┏━━

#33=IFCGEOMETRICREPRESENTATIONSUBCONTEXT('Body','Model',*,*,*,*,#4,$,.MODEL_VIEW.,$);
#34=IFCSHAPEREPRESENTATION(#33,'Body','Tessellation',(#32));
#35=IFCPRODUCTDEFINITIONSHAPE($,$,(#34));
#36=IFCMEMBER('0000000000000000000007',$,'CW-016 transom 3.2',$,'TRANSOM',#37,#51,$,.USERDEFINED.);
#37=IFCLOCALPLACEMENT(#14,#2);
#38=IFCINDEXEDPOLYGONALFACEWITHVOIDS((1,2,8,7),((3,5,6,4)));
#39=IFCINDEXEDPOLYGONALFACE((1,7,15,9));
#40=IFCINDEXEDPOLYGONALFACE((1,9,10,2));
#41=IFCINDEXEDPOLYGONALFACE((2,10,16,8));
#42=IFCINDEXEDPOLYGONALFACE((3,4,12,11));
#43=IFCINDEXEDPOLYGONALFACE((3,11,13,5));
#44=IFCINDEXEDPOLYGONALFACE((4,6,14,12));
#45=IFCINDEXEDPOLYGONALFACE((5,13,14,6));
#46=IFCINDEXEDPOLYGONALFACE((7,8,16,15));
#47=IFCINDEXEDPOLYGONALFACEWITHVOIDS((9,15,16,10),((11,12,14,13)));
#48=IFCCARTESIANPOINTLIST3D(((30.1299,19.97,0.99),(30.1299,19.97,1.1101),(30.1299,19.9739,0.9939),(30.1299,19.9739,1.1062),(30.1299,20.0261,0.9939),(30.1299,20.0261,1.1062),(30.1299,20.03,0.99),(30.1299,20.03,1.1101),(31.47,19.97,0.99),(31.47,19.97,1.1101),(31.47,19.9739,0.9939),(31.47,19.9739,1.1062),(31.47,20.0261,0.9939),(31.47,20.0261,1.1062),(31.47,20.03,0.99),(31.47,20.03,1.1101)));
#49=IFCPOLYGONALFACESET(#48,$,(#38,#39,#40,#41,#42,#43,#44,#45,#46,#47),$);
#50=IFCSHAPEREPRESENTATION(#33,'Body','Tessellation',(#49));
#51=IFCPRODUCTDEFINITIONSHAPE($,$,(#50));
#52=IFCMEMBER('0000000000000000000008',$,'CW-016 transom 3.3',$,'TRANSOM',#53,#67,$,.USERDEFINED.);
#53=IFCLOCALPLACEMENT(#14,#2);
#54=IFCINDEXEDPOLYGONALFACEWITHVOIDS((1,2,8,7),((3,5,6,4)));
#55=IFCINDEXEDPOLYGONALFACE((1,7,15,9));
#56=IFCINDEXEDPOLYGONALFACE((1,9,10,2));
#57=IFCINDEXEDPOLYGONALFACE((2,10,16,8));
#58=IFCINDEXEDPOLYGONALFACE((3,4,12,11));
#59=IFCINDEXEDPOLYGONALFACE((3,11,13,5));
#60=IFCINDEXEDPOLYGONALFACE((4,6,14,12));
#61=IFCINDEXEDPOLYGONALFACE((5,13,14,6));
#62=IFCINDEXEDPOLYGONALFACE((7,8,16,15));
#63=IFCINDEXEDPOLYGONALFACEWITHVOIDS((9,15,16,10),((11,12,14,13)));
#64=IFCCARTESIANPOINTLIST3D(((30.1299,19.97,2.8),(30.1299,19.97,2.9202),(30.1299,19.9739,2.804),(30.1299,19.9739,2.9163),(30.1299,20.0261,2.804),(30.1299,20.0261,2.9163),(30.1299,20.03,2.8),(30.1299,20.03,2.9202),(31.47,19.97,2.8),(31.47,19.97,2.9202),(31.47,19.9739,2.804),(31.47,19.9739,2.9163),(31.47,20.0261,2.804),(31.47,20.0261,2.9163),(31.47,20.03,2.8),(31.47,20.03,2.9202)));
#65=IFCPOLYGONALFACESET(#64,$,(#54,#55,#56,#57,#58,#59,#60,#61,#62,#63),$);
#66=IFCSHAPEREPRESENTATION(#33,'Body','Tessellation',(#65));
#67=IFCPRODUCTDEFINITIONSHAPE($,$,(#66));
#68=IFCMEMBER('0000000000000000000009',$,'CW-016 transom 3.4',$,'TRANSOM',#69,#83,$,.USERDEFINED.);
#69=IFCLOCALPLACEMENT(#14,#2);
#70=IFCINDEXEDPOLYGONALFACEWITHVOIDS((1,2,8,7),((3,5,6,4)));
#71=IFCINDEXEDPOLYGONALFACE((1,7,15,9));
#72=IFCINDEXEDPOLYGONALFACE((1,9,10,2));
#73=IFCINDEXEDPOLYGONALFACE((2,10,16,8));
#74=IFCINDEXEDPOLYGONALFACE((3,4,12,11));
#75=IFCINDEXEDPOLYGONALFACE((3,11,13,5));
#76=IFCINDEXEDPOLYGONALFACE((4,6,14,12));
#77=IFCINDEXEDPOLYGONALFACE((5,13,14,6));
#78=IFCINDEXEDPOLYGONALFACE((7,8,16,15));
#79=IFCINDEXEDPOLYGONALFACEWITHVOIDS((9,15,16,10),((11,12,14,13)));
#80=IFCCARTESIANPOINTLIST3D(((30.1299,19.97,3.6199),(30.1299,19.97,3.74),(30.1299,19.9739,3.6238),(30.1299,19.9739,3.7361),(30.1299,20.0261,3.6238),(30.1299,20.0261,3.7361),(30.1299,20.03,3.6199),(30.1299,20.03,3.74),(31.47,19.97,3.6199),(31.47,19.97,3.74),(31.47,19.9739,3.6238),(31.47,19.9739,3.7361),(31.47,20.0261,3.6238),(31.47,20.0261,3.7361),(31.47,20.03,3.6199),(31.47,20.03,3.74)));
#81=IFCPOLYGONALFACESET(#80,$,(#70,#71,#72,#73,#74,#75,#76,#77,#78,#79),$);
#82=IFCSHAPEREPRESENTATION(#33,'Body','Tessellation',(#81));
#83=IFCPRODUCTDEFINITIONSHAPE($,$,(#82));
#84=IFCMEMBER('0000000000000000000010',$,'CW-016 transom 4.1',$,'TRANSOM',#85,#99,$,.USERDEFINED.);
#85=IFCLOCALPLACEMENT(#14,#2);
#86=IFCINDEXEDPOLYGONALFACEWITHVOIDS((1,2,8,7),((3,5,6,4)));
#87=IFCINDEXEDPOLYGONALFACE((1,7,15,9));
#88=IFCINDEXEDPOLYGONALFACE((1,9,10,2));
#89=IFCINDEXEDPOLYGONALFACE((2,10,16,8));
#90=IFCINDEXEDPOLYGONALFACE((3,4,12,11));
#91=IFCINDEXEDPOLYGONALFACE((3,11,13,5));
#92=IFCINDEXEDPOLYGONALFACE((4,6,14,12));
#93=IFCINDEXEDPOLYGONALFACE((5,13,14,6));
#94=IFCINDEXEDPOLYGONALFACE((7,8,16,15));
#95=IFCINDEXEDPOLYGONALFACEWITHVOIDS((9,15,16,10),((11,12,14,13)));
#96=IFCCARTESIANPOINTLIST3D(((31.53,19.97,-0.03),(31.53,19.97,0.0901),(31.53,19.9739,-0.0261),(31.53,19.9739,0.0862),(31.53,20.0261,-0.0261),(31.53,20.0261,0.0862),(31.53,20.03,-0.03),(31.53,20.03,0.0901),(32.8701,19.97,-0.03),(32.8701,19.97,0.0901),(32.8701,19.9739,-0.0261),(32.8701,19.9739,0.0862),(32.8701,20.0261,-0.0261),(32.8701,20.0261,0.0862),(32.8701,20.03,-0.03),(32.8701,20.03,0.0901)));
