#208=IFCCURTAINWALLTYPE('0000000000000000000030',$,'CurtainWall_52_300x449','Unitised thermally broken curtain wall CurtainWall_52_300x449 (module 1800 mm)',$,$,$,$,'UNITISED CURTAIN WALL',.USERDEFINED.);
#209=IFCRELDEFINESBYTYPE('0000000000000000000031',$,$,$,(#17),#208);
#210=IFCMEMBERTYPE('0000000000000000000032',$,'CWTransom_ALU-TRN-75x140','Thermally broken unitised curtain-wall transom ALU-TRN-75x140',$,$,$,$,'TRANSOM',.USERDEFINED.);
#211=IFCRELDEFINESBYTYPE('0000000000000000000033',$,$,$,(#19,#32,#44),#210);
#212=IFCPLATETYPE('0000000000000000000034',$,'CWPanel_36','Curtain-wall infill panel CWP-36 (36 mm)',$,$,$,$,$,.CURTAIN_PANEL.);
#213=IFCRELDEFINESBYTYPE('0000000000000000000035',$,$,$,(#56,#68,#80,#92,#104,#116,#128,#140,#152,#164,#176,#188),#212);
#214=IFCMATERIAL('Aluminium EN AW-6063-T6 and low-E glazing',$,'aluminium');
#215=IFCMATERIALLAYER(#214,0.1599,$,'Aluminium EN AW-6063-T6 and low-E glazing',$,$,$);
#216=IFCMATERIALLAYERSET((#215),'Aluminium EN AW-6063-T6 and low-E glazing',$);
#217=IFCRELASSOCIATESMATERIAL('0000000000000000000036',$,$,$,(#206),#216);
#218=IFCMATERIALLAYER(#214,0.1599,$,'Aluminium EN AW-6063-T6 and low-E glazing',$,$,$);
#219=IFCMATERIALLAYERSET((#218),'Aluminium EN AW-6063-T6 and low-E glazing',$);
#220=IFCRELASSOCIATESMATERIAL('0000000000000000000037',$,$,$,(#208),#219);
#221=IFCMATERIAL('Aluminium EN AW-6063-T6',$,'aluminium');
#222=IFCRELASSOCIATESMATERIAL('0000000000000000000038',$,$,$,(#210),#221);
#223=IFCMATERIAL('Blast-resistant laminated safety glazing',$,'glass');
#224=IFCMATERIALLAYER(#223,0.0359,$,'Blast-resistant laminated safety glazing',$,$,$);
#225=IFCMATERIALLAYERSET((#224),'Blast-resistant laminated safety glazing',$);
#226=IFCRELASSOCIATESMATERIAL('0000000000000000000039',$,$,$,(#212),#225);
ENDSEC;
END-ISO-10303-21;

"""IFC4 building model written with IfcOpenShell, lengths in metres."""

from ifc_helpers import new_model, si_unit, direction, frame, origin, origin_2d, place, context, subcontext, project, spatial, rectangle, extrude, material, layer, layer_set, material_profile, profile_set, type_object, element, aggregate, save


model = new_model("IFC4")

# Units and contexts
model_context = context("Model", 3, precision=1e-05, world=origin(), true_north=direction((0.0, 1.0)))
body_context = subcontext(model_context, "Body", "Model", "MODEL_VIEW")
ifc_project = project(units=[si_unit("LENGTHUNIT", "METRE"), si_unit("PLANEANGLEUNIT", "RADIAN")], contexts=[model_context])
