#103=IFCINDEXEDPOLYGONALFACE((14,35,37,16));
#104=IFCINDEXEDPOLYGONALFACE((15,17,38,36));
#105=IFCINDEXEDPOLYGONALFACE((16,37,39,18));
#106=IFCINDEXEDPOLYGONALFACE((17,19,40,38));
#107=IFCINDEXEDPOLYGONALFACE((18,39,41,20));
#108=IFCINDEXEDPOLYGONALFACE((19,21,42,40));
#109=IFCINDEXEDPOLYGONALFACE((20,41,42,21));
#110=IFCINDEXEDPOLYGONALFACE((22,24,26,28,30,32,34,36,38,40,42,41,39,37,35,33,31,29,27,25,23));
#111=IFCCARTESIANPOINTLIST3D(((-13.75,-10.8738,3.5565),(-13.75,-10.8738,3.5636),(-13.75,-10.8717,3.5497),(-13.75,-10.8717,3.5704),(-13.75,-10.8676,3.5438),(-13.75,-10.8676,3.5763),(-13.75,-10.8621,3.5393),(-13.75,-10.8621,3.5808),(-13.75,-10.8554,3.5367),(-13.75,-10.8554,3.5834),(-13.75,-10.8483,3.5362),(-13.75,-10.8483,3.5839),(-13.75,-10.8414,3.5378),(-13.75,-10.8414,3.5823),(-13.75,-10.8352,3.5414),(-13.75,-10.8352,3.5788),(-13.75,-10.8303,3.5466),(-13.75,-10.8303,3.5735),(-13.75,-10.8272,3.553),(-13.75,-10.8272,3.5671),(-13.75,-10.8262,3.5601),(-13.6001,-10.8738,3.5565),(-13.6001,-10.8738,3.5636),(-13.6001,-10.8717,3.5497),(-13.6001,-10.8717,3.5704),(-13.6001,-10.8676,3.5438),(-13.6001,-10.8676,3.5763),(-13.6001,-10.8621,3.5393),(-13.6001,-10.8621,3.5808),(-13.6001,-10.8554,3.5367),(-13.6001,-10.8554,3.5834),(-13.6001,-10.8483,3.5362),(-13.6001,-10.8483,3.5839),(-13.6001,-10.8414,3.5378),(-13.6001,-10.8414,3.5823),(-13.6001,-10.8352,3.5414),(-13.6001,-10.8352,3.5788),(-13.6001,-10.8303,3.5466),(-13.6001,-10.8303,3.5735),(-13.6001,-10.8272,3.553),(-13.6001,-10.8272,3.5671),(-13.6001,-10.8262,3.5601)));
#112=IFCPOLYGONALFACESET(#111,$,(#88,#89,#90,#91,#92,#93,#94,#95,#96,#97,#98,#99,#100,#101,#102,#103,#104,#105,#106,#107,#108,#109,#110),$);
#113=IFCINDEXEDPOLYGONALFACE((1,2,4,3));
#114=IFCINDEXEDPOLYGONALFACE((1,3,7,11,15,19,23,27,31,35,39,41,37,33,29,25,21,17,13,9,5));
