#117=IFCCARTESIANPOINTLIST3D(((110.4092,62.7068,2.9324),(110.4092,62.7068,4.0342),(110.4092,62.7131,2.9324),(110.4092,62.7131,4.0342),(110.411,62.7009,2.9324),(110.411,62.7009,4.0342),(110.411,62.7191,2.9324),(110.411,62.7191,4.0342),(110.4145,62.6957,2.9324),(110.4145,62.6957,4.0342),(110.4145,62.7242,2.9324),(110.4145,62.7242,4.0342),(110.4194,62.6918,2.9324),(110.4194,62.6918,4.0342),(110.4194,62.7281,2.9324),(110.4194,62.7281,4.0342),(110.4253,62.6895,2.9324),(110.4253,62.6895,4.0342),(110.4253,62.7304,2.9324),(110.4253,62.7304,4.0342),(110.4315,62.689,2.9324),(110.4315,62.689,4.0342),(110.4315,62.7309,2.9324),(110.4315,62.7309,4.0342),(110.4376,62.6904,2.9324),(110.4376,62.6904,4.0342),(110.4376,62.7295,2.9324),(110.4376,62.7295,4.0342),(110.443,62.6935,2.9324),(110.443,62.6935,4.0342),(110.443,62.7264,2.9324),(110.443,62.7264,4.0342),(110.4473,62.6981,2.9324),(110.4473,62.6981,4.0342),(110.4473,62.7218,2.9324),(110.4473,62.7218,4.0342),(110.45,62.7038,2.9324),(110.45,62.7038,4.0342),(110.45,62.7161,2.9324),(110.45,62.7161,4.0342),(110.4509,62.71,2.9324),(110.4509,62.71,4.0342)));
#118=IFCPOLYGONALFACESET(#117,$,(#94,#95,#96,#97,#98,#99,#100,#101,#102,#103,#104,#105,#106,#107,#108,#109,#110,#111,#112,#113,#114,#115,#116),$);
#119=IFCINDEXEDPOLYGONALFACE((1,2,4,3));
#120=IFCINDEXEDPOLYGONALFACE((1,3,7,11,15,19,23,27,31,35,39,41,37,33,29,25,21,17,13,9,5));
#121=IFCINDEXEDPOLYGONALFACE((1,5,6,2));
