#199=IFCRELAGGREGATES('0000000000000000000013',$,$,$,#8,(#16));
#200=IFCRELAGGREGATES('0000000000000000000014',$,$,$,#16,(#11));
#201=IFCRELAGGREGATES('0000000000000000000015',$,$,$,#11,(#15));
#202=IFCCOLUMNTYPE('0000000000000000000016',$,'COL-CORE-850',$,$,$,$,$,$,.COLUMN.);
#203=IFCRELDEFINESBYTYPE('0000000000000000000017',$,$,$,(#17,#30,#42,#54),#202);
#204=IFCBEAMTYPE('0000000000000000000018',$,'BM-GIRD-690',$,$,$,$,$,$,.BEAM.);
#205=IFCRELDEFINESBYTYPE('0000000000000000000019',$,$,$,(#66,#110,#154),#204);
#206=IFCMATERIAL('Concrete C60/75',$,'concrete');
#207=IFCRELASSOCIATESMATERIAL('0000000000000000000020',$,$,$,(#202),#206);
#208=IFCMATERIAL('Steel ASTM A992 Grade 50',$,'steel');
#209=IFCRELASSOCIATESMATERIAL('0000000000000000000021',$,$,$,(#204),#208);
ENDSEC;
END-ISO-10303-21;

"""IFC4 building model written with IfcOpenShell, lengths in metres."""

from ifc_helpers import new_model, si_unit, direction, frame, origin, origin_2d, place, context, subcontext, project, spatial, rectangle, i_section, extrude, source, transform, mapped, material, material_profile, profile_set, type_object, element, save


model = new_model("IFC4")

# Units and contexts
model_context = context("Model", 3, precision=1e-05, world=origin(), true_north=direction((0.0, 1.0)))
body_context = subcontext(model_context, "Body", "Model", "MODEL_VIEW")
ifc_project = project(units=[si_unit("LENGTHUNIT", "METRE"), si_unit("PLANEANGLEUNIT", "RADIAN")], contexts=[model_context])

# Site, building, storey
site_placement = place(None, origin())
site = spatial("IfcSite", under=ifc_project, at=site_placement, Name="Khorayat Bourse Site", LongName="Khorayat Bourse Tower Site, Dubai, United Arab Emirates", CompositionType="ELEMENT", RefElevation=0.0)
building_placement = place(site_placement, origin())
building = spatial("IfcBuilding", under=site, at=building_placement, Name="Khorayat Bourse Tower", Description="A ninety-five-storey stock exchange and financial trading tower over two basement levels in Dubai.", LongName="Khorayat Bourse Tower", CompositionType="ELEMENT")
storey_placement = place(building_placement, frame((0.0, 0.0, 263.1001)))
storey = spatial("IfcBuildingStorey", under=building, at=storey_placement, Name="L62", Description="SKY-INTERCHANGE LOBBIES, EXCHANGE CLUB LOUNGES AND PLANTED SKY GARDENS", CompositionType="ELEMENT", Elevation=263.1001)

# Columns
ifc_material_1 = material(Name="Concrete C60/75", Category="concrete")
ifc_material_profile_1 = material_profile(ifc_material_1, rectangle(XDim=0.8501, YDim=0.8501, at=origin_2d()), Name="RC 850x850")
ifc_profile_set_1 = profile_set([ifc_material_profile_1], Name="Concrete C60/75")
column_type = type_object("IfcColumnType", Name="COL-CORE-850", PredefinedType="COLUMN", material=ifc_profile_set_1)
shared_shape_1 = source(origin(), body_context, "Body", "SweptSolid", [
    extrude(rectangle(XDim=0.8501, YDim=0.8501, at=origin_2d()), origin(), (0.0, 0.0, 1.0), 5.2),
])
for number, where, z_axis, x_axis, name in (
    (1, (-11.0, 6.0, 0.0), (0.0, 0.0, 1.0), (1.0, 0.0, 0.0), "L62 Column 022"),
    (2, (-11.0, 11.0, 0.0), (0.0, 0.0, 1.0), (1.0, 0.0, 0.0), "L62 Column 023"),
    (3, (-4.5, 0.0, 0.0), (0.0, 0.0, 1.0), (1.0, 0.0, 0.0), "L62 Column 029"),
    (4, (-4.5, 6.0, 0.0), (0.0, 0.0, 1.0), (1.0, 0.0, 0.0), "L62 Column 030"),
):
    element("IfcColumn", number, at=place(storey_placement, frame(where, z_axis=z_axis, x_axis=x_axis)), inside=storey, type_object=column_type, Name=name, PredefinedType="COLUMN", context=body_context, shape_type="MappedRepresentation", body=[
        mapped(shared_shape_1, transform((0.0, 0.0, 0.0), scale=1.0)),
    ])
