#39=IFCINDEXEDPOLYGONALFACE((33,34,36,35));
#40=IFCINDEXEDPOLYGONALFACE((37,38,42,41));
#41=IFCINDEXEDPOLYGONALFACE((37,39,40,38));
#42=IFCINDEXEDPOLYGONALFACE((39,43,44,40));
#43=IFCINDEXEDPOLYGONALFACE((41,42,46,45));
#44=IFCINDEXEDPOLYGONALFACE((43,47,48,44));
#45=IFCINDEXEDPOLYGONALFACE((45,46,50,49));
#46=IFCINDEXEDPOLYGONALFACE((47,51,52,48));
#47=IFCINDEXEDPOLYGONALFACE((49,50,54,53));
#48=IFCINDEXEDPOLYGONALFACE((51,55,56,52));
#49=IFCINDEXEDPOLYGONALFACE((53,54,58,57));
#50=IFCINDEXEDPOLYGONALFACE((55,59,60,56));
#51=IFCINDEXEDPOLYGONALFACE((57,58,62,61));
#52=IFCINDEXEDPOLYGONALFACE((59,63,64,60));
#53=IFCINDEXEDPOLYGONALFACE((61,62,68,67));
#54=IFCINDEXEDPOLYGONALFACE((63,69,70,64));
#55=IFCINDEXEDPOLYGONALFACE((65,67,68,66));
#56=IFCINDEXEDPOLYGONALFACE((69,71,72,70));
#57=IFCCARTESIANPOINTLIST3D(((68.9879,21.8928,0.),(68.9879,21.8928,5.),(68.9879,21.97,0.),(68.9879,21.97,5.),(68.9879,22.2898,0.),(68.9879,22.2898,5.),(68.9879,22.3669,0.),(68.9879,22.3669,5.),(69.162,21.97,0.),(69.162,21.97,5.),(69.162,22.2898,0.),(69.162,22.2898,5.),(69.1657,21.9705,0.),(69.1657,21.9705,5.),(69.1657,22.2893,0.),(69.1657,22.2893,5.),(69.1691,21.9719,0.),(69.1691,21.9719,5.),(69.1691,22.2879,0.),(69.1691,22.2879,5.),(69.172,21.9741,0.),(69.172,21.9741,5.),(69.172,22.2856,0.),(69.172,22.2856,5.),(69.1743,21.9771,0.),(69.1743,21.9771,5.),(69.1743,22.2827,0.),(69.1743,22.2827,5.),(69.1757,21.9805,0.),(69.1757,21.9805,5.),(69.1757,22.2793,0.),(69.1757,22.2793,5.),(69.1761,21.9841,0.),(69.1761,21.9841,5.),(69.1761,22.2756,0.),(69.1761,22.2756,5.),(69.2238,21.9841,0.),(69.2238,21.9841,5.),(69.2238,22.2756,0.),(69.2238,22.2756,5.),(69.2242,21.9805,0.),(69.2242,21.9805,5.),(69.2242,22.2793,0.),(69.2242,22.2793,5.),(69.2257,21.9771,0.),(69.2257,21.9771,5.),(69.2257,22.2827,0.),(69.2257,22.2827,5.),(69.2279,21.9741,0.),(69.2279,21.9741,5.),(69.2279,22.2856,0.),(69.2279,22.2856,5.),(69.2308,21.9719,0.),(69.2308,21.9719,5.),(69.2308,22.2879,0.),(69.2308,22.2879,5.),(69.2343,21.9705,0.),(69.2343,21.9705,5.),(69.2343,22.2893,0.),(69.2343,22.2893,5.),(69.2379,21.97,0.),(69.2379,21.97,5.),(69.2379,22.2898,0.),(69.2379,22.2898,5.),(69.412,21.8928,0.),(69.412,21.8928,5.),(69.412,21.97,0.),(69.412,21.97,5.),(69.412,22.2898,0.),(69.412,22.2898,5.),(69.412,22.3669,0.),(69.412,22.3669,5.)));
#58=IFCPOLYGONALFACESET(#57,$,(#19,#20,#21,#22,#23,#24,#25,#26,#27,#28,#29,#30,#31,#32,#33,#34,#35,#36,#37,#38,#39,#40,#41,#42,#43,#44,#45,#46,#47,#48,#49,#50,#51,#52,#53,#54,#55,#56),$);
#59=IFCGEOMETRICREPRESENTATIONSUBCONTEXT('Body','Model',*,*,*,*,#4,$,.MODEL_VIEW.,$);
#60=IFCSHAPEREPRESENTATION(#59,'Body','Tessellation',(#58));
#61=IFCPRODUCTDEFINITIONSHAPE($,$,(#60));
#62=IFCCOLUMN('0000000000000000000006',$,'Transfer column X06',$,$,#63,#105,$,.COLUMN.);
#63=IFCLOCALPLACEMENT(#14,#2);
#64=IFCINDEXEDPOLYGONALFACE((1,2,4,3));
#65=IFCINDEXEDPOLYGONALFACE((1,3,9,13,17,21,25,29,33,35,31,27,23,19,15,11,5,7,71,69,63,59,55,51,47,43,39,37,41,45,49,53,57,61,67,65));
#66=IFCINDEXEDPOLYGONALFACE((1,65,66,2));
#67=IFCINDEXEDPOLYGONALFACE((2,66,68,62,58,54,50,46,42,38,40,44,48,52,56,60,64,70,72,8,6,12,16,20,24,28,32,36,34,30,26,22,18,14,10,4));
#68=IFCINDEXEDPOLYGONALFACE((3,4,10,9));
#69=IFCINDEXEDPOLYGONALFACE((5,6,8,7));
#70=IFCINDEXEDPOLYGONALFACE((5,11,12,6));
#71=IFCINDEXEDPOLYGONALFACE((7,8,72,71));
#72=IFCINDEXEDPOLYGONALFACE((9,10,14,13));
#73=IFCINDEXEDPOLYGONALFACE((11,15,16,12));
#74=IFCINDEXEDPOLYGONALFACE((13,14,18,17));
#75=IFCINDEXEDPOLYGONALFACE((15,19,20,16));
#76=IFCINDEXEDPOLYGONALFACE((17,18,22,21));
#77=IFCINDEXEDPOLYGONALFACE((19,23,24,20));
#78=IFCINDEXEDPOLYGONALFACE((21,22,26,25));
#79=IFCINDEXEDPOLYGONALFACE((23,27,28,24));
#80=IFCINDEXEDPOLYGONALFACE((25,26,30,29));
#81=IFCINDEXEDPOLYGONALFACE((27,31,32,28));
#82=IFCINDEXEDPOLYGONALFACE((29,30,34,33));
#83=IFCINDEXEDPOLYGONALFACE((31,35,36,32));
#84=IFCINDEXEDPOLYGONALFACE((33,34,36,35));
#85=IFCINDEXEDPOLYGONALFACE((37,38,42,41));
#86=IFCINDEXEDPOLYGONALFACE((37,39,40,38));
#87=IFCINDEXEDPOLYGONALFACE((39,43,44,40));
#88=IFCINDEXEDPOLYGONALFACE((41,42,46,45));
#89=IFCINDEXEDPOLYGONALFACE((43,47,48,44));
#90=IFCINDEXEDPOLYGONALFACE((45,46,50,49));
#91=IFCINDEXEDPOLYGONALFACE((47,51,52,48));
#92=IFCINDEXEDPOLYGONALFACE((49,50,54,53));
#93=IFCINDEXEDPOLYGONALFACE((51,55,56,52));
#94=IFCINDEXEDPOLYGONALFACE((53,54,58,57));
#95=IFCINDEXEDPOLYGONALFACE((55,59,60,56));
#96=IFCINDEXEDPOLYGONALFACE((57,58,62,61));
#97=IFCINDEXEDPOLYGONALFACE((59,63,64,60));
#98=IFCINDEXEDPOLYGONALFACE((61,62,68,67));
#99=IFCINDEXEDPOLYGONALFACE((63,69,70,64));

┗━━

▸ WORK TO COMPLETE:
Repeat exactly the lines from the first line of the records above through the line containing "#37=IFCLOCALPLACEMENT(#14,#2);", both included, and nothing else.

▸ SOLUTION TO THE EXERCISE:
#33=IFCGEOMETRICREPRESENTATIONSUBCONTEXT('Body','Model',*,*,*,*,#4,$,.MODEL_VIEW.,$);
#34=IFCSHAPEREPRESENTATION(#33,'Body','Tessellation',(#32));
#35=IFCPRODUCTDEFINITIONSHAPE($,$,(#34));
#36=IFCMEMBER('0000000000000000000007',$,'CW-016 transom 3.2',$,'TRANSOM',#37,#51,$,.USERDEFINED.);
#37=IFCLOCALPLACEMENT(#14,#2);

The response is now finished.